Stored data entries
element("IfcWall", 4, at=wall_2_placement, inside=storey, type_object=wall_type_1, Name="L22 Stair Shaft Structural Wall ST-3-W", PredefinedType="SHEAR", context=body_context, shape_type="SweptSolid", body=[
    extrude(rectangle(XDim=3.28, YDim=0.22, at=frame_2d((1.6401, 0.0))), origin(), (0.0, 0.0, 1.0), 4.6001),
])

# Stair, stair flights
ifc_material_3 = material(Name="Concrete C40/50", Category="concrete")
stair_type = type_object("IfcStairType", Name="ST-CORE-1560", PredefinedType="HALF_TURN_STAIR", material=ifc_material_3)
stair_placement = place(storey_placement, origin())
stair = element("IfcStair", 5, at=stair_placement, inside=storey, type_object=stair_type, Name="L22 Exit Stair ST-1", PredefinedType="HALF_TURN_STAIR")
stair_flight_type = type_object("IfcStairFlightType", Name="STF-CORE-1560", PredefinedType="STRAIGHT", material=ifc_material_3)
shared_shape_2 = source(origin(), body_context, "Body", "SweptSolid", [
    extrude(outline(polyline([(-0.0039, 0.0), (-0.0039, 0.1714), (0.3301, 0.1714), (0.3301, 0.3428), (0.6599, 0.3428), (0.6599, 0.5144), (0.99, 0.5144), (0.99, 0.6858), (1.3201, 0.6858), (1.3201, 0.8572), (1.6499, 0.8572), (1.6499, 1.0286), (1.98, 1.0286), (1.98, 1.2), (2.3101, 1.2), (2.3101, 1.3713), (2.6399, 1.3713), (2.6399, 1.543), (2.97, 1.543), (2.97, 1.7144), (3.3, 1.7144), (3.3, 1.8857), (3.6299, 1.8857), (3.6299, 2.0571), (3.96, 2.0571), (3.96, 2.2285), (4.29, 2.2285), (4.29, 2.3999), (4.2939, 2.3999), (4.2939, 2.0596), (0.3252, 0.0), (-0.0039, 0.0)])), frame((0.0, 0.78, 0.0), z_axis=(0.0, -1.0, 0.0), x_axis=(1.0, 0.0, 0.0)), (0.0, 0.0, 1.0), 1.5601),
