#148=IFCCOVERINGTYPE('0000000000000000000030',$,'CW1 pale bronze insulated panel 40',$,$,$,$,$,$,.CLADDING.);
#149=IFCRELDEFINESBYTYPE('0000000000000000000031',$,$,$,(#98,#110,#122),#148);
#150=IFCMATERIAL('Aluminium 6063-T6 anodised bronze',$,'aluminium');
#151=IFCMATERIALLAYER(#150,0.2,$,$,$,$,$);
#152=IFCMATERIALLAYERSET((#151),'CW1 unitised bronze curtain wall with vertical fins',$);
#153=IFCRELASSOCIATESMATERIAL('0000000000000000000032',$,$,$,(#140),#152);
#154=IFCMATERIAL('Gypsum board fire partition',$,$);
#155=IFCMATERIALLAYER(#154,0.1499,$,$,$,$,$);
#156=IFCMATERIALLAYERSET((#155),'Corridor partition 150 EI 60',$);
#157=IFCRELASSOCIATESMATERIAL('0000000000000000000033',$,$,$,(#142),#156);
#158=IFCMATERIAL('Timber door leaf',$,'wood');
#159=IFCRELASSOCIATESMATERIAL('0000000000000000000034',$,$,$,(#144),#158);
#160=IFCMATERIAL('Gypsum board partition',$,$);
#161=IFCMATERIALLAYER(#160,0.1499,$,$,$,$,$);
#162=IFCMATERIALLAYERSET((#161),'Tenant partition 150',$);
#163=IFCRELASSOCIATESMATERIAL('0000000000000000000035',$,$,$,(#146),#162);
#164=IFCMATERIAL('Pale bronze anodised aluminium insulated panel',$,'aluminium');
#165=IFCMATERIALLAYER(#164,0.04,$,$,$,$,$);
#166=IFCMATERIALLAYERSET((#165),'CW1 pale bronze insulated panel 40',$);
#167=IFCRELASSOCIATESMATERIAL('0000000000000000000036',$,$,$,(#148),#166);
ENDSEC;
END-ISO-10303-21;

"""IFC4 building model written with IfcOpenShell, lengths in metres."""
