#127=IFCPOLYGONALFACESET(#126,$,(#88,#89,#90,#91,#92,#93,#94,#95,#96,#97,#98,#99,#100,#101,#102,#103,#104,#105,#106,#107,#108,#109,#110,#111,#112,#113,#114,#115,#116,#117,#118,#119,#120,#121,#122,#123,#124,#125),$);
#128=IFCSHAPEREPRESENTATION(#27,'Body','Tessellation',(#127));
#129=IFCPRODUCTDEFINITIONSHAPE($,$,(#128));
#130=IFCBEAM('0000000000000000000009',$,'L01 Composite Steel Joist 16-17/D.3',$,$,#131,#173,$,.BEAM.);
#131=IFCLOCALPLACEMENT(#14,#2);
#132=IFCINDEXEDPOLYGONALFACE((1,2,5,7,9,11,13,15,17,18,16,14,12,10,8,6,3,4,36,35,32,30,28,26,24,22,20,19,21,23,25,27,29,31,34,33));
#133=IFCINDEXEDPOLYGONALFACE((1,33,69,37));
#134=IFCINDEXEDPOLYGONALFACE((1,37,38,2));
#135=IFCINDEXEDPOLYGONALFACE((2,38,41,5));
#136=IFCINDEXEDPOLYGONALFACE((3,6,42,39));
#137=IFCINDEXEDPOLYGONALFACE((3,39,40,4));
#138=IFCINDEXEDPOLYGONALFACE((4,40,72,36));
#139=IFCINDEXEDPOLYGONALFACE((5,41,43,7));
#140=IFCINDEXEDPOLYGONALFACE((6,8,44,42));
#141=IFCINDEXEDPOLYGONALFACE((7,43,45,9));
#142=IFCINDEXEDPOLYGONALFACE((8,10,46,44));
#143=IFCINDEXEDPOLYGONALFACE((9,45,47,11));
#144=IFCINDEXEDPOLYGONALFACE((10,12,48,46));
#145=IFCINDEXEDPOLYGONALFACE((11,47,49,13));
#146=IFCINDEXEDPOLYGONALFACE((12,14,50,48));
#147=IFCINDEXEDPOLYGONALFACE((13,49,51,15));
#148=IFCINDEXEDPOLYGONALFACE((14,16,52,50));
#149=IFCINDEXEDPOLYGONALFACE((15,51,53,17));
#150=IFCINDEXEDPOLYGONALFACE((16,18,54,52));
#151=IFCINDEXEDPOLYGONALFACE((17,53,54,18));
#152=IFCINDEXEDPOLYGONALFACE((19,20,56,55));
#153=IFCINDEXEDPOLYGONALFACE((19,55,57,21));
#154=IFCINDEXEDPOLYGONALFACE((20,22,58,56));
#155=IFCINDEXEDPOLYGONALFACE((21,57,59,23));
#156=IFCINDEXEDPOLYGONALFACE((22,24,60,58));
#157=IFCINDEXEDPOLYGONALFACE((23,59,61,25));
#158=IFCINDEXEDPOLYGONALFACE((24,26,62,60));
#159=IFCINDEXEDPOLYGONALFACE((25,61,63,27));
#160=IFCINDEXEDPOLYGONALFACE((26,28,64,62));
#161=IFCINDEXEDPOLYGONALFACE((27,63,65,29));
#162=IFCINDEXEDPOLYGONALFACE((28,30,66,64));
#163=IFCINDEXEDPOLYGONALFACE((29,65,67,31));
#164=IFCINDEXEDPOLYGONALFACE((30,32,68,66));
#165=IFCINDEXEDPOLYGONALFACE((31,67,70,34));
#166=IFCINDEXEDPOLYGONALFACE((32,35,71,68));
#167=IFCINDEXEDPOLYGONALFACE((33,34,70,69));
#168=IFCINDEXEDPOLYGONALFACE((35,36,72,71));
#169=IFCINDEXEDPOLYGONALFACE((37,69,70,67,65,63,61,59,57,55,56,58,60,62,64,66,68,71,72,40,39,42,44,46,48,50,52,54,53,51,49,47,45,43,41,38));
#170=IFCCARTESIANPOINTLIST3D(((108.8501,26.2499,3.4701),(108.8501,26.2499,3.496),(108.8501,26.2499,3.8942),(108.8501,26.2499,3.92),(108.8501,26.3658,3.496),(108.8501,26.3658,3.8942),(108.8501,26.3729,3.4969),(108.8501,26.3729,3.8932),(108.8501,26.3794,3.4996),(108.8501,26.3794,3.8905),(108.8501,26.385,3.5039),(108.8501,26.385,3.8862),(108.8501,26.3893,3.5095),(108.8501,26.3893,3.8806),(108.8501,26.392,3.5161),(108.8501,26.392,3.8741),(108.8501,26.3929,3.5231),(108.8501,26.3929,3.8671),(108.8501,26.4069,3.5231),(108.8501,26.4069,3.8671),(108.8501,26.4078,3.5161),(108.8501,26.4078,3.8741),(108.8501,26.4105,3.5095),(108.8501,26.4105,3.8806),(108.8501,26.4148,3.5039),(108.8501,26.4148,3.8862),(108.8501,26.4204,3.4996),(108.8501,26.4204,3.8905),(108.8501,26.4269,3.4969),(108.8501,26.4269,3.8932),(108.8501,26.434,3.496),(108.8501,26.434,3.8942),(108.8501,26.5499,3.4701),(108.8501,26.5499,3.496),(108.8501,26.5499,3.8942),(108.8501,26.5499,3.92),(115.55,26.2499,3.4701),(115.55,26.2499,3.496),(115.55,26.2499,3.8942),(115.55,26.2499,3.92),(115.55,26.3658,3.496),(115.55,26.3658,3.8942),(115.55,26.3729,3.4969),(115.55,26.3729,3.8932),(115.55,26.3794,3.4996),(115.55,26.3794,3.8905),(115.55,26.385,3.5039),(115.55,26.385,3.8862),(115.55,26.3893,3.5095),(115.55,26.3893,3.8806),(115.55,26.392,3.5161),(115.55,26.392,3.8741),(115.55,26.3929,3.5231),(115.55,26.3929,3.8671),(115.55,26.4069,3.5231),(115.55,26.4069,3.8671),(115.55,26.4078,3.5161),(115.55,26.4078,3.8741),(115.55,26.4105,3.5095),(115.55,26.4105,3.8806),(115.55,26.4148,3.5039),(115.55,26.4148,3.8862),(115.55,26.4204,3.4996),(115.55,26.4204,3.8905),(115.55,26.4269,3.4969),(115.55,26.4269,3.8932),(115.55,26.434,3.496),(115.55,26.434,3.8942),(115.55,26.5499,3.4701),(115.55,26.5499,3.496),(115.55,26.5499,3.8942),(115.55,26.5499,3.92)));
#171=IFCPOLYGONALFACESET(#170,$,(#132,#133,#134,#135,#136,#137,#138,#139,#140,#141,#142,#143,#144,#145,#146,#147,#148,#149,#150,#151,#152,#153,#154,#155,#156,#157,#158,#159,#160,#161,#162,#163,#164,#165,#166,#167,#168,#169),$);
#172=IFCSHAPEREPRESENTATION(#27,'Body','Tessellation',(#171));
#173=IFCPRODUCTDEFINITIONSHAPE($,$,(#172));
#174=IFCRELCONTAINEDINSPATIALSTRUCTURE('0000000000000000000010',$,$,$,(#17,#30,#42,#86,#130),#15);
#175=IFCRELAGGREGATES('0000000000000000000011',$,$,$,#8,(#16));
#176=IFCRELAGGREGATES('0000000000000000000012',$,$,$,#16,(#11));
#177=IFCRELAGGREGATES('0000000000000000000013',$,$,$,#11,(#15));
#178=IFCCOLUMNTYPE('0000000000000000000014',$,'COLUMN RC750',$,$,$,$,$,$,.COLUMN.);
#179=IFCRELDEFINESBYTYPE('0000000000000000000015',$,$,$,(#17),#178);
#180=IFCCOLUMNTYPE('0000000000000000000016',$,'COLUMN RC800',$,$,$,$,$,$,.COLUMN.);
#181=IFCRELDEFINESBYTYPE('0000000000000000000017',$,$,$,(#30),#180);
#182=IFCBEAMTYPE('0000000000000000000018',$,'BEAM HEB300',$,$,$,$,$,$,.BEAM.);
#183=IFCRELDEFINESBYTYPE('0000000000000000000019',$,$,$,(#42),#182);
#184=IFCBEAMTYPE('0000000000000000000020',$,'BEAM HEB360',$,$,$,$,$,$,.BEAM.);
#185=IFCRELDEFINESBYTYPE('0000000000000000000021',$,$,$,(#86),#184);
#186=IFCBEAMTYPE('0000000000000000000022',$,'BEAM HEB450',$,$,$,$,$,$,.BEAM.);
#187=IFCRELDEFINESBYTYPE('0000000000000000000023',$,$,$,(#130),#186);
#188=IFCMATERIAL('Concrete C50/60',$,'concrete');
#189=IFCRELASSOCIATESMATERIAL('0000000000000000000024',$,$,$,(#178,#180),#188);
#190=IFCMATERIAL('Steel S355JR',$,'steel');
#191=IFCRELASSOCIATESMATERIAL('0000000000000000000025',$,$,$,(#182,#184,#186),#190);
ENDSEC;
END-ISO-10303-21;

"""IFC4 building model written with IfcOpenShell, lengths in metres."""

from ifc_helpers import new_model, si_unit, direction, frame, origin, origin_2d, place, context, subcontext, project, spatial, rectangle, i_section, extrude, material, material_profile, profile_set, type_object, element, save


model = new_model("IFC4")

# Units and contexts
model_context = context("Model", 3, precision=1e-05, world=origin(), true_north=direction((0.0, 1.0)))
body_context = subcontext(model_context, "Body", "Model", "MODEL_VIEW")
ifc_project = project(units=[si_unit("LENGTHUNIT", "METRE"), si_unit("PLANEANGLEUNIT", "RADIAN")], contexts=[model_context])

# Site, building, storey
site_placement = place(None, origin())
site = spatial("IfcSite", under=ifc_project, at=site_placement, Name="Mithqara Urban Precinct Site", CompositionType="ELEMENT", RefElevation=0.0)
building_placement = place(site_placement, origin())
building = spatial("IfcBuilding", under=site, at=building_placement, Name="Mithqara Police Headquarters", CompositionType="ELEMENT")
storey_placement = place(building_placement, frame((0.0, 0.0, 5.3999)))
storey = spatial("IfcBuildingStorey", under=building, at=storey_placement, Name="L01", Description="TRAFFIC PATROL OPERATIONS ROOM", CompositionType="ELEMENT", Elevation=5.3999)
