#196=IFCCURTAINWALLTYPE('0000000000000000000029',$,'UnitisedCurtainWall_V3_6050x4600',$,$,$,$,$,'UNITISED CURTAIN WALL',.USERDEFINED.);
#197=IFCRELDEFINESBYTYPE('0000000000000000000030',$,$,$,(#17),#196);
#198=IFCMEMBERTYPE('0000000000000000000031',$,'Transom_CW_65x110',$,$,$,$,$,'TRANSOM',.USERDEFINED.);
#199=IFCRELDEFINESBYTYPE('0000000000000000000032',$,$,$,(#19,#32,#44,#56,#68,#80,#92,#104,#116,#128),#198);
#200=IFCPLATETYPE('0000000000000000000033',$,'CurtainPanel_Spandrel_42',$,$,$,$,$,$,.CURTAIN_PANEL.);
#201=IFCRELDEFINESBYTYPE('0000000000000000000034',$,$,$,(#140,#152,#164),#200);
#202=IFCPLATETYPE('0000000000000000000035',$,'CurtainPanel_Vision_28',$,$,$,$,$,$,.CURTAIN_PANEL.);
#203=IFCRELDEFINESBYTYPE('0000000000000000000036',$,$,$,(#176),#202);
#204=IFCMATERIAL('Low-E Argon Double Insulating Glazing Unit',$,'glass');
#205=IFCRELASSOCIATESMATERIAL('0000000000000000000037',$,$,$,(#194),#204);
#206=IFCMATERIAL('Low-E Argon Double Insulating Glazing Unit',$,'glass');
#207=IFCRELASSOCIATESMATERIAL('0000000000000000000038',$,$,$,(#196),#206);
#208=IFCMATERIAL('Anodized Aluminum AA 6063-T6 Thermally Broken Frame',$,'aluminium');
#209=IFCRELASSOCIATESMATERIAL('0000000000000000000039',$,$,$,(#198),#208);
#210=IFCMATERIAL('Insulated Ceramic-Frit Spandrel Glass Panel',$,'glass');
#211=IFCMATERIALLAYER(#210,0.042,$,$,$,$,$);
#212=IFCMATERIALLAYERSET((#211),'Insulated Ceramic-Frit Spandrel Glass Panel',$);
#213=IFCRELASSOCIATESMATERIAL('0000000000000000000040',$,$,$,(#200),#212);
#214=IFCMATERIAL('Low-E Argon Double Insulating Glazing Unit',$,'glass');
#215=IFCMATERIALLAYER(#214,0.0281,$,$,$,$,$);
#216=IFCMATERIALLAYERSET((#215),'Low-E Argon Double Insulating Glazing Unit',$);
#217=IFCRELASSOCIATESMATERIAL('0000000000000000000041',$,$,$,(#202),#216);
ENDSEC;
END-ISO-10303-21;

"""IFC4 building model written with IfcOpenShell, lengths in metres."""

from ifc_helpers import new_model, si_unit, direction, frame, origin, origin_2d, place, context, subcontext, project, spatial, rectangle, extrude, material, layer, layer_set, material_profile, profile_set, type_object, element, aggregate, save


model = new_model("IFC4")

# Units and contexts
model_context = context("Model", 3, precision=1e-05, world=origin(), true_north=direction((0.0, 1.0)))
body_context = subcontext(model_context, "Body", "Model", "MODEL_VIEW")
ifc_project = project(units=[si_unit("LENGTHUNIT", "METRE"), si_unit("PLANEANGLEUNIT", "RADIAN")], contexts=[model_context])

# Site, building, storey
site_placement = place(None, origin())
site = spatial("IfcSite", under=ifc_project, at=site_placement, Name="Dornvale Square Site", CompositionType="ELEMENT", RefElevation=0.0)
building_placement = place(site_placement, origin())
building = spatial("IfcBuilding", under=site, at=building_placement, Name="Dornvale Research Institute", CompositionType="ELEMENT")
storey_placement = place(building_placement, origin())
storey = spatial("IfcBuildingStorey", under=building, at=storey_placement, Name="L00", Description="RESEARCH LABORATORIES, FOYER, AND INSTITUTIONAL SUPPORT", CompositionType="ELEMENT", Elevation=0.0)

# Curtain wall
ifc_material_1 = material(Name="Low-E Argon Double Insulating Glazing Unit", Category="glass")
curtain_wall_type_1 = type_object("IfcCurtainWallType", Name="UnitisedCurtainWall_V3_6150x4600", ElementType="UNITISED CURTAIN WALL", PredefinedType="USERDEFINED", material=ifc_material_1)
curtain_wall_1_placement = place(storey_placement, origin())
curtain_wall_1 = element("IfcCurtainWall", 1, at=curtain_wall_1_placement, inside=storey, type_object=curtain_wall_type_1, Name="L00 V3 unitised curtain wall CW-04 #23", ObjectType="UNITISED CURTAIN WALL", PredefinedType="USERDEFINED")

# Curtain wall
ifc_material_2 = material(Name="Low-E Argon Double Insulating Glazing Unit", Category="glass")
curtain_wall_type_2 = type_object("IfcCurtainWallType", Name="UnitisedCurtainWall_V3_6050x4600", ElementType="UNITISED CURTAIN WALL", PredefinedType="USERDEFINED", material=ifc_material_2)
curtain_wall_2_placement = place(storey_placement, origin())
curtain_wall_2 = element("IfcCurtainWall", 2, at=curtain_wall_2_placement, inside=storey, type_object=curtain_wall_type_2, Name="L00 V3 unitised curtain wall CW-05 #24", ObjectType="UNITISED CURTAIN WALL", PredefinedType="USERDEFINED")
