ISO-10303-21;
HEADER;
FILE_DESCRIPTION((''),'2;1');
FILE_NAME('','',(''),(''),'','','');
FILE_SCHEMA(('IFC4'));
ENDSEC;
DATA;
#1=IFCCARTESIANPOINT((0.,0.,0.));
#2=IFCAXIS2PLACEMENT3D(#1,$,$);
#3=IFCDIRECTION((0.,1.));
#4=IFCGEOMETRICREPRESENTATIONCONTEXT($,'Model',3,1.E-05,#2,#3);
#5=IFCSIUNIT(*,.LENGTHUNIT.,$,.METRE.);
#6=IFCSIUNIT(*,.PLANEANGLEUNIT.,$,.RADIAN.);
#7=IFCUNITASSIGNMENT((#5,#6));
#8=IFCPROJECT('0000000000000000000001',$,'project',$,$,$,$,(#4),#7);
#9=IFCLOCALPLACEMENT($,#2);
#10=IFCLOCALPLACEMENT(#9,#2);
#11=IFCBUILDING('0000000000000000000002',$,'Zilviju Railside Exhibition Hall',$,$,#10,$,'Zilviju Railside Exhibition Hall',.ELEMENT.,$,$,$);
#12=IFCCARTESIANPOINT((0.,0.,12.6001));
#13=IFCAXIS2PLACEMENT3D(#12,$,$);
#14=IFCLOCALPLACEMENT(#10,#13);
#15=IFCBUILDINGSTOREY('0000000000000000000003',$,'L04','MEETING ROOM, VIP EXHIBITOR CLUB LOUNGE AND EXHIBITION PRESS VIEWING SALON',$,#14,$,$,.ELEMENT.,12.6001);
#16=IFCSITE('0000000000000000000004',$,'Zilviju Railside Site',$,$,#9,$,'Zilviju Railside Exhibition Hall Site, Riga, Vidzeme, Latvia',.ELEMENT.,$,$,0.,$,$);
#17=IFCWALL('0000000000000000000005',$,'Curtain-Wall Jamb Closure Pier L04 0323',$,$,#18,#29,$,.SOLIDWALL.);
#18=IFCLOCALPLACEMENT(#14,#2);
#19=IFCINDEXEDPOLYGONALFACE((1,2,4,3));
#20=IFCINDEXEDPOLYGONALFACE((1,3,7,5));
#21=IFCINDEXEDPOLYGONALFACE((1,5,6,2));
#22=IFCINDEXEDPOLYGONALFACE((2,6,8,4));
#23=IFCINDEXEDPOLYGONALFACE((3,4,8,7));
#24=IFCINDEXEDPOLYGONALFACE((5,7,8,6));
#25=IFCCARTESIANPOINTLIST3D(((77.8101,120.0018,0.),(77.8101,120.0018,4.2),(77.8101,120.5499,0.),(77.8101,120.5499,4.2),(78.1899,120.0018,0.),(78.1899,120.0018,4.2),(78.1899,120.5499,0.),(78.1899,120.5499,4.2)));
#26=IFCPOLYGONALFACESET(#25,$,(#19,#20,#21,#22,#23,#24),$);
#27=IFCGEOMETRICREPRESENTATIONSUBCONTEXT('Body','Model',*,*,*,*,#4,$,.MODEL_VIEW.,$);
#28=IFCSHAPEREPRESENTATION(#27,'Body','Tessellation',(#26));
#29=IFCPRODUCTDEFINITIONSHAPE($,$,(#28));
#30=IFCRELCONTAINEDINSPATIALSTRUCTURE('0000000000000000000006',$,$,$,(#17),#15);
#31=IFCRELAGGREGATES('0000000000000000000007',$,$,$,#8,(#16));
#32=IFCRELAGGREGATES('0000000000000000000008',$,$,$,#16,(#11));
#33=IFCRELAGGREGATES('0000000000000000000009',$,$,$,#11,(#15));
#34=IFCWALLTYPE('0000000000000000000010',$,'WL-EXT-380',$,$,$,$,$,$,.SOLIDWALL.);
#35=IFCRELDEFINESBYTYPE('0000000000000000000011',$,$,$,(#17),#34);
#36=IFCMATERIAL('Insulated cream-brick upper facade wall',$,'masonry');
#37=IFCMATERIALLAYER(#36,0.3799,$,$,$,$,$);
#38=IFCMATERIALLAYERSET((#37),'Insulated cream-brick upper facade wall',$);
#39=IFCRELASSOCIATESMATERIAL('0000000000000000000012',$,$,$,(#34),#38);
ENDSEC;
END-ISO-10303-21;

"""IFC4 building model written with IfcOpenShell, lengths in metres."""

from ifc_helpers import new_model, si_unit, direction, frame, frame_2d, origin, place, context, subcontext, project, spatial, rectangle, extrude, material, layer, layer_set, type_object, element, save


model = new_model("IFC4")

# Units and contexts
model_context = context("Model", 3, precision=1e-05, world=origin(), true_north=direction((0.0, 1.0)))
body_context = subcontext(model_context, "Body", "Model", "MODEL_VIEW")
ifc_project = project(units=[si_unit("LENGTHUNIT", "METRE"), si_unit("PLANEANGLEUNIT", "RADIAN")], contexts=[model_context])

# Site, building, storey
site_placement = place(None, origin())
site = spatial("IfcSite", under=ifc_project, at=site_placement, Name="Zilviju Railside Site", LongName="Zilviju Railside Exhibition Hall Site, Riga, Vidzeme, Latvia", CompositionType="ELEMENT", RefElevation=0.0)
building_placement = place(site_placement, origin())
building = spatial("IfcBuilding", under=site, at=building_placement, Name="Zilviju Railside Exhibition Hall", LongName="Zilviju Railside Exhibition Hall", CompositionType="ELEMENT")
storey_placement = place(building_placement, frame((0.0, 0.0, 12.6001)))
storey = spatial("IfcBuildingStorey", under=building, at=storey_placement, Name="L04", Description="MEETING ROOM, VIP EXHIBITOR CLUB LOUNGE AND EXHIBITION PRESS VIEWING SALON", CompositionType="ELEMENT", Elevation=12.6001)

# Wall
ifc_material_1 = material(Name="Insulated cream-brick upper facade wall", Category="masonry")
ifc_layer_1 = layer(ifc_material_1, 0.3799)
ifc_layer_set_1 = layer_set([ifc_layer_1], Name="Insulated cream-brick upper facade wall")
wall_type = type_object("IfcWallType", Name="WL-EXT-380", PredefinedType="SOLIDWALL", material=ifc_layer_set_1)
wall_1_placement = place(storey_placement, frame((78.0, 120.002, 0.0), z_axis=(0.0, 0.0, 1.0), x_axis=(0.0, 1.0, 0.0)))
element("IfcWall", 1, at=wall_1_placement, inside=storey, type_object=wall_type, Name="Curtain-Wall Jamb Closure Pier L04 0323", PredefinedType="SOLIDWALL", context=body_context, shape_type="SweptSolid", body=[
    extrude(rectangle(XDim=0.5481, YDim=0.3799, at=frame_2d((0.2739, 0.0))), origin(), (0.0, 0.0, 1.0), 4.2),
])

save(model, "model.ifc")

#### What is being asked
Whenever a line holds "IFCBEAMTYPE", it counts; state the total for the records and add nothing.

#### Written response
3